Work required
Only the lines below starting at the one containing "#33=IFCPRODUCTDEFINITIONSHAPE($,$,(#32));" and ending at the one containing "#41=IFCINDEXEDPOLYGONALFACE((5,7,8,6));" belong in the answer, each copied exactly.

Saved data entries
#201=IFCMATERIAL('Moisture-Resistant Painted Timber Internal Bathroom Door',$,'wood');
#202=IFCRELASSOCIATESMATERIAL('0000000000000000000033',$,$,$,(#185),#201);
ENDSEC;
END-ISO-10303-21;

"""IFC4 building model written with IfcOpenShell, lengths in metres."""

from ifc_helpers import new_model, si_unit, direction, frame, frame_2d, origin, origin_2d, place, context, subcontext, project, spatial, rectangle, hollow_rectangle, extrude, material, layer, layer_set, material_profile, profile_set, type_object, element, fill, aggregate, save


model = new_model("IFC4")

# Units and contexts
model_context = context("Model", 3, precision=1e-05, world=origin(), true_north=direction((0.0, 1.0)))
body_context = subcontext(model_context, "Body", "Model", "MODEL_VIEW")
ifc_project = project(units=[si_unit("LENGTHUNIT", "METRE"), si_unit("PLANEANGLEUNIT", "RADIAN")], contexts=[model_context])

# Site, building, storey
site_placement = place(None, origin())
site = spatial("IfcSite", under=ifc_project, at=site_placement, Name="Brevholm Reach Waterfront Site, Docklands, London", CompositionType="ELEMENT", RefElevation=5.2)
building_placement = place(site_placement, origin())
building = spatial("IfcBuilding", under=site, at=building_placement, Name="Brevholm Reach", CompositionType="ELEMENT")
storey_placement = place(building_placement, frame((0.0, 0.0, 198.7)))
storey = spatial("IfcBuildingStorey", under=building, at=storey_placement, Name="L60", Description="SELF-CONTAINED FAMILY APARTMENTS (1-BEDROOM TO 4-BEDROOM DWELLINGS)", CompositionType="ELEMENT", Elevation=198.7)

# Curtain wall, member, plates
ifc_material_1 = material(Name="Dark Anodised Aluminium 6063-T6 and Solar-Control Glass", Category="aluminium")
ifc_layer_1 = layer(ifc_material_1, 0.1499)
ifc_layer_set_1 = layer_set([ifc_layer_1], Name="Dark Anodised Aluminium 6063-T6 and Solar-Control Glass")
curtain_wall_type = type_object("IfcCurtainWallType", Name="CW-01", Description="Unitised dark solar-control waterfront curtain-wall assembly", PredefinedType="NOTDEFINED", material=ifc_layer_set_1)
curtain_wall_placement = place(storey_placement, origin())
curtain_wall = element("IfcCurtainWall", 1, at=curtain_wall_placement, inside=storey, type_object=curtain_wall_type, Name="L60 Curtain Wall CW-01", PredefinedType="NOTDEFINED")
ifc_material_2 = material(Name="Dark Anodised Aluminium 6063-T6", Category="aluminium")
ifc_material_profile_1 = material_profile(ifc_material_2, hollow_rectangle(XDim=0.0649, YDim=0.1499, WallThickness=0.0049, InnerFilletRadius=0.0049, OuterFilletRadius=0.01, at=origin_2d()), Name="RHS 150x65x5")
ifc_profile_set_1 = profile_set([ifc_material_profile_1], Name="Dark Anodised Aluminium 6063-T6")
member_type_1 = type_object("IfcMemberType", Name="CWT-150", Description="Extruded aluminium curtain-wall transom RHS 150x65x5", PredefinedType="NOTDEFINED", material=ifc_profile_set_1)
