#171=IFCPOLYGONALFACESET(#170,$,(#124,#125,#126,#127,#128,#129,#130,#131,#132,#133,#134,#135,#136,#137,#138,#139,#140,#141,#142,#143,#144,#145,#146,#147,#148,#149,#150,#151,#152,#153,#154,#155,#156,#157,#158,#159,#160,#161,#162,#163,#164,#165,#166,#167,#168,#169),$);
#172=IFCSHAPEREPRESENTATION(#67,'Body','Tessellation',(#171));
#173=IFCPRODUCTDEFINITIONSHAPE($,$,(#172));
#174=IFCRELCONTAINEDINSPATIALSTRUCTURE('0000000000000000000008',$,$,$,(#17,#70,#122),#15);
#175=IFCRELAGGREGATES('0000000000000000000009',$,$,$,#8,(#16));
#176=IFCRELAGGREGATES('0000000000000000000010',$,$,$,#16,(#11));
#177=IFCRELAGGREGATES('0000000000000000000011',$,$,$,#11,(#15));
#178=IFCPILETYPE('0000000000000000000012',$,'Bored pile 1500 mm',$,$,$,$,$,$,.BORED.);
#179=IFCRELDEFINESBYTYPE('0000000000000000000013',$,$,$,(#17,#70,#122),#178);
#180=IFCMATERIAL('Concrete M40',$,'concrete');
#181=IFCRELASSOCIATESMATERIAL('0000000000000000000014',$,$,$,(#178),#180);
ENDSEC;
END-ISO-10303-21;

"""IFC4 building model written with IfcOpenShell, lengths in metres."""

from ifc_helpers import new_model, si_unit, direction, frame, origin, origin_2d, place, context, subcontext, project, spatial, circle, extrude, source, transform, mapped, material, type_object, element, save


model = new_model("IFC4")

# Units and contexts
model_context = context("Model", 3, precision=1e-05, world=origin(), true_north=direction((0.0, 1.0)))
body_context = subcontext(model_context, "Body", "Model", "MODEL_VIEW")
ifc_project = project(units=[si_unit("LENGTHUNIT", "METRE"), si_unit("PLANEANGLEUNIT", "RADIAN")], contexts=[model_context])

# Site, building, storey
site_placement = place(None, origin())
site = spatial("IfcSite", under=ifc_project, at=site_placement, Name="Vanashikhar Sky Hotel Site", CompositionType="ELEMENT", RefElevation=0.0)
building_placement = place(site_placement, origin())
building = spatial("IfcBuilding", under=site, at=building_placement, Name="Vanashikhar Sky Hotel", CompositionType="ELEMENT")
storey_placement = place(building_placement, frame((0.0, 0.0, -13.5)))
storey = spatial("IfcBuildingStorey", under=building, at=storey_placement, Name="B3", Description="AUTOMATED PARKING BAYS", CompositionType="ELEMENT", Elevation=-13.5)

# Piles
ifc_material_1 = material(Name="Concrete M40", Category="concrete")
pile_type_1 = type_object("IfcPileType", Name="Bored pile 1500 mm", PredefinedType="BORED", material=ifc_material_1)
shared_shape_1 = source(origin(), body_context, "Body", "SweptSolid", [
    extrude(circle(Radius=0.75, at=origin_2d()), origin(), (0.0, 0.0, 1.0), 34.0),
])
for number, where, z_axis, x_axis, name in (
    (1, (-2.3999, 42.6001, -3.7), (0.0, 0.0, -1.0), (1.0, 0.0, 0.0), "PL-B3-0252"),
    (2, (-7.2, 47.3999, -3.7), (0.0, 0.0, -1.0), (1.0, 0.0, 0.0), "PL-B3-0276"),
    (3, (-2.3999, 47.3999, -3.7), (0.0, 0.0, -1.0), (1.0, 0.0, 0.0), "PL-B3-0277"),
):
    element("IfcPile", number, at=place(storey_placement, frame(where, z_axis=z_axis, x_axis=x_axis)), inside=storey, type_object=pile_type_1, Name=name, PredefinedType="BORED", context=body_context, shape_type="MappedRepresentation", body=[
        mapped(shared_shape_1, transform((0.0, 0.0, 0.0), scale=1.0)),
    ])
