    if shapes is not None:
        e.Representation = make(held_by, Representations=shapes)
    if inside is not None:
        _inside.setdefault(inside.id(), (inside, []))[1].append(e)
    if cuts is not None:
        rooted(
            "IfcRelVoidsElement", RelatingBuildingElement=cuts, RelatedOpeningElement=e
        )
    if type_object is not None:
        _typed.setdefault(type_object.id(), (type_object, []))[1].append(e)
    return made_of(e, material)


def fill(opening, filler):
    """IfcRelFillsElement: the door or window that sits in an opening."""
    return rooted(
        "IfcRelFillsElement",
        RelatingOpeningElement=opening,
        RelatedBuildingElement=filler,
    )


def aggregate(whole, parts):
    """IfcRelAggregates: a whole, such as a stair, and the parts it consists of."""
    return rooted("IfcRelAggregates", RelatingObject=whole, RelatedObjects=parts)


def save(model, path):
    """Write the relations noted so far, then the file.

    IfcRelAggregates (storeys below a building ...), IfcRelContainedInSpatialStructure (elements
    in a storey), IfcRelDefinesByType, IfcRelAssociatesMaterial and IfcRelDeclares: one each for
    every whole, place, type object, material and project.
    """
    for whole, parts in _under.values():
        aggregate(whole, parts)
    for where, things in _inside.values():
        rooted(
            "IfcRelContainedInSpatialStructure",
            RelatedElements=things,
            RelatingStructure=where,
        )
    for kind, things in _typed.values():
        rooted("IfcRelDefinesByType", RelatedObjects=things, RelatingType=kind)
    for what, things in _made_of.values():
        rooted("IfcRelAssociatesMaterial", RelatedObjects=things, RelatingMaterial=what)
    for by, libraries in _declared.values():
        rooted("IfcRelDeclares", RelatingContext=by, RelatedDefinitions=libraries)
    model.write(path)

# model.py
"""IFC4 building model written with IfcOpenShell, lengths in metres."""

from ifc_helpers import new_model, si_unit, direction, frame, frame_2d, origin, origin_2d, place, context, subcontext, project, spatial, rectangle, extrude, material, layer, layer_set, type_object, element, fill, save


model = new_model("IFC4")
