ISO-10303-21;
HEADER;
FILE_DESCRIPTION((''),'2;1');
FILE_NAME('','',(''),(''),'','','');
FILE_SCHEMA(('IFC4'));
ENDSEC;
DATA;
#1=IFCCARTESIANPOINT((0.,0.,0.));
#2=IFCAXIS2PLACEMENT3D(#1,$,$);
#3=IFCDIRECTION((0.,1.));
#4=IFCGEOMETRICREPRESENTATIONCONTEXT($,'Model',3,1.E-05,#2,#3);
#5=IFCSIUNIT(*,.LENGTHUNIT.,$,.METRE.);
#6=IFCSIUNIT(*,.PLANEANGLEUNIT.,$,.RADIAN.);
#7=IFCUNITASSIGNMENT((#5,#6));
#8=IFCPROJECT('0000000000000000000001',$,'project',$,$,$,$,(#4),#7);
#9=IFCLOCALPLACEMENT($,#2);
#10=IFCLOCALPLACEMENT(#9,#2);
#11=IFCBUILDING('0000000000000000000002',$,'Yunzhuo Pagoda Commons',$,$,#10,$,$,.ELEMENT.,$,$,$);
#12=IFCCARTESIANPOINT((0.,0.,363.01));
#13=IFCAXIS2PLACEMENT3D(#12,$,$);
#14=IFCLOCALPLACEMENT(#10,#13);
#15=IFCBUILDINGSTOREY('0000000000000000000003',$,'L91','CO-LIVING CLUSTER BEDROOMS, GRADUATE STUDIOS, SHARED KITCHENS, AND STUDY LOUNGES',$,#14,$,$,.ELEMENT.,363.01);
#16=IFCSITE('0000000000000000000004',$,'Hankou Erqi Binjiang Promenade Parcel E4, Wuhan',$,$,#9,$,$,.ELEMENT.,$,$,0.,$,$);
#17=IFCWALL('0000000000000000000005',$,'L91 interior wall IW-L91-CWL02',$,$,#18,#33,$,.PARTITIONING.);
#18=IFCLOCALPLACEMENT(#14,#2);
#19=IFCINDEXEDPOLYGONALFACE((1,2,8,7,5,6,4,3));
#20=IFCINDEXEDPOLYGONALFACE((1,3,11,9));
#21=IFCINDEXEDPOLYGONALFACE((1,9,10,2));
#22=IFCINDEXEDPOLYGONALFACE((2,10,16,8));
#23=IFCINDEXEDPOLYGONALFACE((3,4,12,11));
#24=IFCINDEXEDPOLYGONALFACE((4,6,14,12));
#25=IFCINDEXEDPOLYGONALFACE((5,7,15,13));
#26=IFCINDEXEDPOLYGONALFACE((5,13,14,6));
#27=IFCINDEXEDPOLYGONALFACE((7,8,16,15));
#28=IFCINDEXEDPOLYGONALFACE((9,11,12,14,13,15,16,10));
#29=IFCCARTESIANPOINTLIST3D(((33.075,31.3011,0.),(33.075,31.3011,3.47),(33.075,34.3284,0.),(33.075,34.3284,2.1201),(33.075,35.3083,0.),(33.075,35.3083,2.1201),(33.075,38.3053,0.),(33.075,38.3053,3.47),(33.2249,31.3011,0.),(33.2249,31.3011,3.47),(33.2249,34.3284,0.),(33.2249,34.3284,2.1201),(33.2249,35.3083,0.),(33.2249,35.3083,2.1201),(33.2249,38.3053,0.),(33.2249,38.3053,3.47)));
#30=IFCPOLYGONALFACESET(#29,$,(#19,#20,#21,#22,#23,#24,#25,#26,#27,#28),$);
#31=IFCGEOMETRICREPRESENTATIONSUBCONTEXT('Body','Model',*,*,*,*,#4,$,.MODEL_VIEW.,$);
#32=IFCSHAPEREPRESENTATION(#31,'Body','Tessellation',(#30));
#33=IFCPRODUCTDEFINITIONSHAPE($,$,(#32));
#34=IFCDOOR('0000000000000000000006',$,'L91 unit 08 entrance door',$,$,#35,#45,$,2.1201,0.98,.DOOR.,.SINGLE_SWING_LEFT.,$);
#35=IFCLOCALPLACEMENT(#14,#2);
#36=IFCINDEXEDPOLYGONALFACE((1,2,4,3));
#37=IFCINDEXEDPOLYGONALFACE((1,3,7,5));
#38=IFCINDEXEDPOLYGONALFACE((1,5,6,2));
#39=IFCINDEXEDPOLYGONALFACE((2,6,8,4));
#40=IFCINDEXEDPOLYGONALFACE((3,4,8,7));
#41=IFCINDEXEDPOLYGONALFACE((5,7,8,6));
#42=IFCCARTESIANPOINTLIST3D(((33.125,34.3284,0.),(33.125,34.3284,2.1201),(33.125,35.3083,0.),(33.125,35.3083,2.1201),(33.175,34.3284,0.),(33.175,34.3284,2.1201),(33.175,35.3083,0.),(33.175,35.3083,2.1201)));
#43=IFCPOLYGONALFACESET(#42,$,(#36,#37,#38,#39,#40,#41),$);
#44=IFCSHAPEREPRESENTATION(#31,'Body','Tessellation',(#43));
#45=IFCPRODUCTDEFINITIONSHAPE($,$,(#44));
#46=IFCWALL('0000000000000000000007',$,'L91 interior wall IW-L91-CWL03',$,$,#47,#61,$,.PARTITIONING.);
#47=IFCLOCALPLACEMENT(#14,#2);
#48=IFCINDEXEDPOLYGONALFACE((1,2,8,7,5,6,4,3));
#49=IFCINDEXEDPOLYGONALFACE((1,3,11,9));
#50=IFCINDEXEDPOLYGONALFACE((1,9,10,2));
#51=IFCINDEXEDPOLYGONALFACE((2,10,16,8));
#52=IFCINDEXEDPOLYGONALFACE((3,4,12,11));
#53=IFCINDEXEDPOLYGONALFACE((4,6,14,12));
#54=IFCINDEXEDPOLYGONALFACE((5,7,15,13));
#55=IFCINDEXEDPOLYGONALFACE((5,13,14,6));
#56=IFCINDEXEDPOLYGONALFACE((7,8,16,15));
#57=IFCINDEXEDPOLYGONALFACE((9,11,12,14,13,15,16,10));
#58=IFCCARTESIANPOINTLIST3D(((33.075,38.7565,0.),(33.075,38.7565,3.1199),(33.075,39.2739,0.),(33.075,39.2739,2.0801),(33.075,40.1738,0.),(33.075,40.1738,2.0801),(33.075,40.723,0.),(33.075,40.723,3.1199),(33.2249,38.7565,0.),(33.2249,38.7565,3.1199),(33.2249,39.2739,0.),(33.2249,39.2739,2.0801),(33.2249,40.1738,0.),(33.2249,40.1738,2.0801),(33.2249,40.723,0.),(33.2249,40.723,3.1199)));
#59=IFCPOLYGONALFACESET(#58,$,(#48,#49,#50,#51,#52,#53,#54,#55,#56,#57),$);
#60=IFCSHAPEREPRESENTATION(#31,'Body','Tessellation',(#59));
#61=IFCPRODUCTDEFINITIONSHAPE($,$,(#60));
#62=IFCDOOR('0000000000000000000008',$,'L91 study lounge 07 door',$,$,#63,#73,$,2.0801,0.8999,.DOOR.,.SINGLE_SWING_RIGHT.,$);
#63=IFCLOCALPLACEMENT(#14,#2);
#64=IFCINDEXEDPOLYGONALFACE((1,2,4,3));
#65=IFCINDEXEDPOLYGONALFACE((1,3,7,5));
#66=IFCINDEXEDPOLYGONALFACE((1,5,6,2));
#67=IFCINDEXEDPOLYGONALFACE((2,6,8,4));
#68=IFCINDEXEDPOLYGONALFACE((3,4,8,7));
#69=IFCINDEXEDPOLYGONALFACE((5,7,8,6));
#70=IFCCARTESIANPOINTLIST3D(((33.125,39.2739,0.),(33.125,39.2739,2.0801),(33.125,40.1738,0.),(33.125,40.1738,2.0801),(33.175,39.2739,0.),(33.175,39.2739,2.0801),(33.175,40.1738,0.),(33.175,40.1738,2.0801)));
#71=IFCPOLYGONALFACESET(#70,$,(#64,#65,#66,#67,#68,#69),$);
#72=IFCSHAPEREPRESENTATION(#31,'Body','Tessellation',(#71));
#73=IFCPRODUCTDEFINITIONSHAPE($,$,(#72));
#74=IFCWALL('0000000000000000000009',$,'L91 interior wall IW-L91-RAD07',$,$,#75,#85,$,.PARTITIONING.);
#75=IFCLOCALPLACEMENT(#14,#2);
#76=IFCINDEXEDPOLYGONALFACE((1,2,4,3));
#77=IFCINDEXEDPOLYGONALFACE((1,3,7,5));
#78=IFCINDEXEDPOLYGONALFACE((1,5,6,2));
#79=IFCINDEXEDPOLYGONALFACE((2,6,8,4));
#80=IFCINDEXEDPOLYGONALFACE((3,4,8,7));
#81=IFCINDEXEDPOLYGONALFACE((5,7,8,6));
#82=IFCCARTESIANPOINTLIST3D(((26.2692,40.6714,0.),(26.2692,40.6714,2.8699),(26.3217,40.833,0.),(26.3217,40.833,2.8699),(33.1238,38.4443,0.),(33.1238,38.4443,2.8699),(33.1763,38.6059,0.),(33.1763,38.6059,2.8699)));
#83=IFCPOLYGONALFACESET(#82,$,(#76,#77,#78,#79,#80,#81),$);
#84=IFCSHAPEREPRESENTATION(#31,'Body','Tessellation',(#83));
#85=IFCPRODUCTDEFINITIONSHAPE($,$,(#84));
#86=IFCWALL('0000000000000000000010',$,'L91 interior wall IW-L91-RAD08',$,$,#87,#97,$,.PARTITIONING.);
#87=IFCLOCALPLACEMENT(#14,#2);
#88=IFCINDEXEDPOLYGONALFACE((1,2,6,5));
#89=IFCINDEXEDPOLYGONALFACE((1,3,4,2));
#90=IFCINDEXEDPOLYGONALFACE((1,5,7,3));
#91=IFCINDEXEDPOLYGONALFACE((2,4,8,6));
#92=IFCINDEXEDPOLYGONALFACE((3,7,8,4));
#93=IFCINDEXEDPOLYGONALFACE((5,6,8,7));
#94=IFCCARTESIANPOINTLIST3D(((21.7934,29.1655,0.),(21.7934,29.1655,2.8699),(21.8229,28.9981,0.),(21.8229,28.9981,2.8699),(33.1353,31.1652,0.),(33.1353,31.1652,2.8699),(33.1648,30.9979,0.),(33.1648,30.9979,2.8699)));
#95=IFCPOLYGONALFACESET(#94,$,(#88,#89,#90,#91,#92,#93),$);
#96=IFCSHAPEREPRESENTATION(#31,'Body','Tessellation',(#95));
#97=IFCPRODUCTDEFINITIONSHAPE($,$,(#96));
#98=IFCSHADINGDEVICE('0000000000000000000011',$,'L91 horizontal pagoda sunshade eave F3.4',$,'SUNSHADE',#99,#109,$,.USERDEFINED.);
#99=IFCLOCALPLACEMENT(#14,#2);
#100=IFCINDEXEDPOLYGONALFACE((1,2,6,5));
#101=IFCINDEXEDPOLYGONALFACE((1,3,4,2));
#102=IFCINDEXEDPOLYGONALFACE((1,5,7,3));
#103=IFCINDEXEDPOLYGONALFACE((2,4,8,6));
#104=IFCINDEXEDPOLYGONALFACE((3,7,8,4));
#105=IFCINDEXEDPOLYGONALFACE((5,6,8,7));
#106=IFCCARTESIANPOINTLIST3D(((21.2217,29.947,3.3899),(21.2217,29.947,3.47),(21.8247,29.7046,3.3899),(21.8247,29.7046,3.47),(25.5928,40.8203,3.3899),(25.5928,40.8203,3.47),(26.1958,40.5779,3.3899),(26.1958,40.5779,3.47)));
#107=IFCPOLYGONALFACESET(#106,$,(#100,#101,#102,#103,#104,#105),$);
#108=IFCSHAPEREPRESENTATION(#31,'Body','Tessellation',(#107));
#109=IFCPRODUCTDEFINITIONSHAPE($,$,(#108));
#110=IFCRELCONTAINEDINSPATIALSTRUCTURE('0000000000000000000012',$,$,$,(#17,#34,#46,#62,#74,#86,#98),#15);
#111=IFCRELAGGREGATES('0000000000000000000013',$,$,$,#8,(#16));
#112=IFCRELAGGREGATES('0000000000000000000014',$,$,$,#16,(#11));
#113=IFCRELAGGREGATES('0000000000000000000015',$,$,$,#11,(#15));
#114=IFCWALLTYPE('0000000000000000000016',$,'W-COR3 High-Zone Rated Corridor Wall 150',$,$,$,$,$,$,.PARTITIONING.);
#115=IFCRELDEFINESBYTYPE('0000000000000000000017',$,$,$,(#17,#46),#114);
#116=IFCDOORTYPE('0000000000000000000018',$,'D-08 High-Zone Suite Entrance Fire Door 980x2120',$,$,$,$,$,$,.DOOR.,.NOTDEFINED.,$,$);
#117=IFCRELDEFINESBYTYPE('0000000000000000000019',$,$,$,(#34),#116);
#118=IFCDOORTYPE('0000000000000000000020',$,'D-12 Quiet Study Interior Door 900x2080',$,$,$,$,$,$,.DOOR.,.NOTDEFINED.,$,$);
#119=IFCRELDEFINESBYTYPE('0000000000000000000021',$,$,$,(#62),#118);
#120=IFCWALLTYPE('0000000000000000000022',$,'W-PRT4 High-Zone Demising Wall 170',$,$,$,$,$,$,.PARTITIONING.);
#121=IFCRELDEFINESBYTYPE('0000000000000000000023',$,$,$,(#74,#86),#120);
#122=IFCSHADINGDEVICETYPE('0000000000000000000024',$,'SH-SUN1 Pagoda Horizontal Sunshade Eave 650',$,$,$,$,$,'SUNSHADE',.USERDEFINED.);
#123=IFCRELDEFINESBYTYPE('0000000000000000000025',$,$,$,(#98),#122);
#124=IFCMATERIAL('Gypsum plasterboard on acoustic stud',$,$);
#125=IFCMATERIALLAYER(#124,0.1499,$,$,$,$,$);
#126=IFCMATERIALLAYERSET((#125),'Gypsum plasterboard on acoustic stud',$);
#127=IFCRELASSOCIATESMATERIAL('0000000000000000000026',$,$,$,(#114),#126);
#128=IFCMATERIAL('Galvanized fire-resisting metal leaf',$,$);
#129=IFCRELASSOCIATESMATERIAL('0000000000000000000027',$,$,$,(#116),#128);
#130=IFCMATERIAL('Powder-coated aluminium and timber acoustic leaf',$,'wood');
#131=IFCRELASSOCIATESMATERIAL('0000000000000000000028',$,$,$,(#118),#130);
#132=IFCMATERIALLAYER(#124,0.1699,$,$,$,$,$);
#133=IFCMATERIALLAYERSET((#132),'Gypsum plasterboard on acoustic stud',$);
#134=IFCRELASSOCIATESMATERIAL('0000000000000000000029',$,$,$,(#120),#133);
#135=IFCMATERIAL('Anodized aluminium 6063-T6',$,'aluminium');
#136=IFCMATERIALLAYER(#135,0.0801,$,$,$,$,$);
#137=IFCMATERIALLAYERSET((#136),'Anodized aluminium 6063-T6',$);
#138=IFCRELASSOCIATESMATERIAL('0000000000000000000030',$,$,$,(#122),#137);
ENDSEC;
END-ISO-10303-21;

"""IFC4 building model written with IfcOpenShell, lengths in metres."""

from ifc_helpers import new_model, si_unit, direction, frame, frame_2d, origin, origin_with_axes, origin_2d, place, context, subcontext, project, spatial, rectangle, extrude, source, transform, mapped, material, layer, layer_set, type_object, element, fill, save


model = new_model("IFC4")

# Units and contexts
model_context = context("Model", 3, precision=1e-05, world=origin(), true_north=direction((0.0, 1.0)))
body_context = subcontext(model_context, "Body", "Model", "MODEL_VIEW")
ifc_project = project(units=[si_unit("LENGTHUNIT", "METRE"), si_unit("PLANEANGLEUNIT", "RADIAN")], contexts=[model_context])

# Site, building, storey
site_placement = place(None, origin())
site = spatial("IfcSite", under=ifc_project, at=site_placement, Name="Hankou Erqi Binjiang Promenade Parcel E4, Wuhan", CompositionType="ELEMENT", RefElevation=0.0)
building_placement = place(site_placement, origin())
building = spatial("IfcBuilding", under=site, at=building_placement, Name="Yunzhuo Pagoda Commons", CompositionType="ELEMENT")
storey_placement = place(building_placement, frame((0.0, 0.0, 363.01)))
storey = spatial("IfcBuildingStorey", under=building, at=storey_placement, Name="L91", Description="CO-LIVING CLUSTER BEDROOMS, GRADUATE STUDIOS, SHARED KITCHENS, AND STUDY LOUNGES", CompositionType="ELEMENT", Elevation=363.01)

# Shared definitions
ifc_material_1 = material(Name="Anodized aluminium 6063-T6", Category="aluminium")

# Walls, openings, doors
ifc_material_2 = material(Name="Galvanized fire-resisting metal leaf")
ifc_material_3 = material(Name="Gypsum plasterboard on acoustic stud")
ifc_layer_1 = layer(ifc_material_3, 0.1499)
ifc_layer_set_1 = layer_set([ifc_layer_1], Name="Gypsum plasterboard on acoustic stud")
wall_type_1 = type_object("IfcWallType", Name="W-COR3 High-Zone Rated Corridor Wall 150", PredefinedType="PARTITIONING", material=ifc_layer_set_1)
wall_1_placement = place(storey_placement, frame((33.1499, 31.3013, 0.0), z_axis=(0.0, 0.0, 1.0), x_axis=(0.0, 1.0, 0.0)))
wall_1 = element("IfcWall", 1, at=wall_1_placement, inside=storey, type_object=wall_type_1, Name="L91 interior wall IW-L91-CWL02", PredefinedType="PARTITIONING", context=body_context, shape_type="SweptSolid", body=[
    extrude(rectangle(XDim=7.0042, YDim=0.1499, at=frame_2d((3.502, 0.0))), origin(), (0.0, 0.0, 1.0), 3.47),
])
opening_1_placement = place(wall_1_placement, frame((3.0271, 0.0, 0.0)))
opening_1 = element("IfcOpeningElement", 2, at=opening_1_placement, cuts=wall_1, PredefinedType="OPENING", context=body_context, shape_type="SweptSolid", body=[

Solved exercise
#33=IFCPRODUCTDEFINITIONSHAPE($,$,(#32));
#34=IFCDOOR('0000000000000000000006',$,'L91 unit 08 entrance door',$,$,#35,#45,$,2.1201,0.98,.DOOR.,.SINGLE_SWING_LEFT.,$);
#35=IFCLOCALPLACEMENT(#14,#2);
#36=IFCINDEXEDPOLYGONALFACE((1,2,4,3));
#37=IFCINDEXEDPOLYGONALFACE((1,3,7,5));
#38=IFCINDEXEDPOLYGONALFACE((1,5,6,2));
#39=IFCINDEXEDPOLYGONALFACE((2,6,8,4));
#40=IFCINDEXEDPOLYGONALFACE((3,4,8,7));
#41=IFCINDEXEDPOLYGONALFACE((5,7,8,6));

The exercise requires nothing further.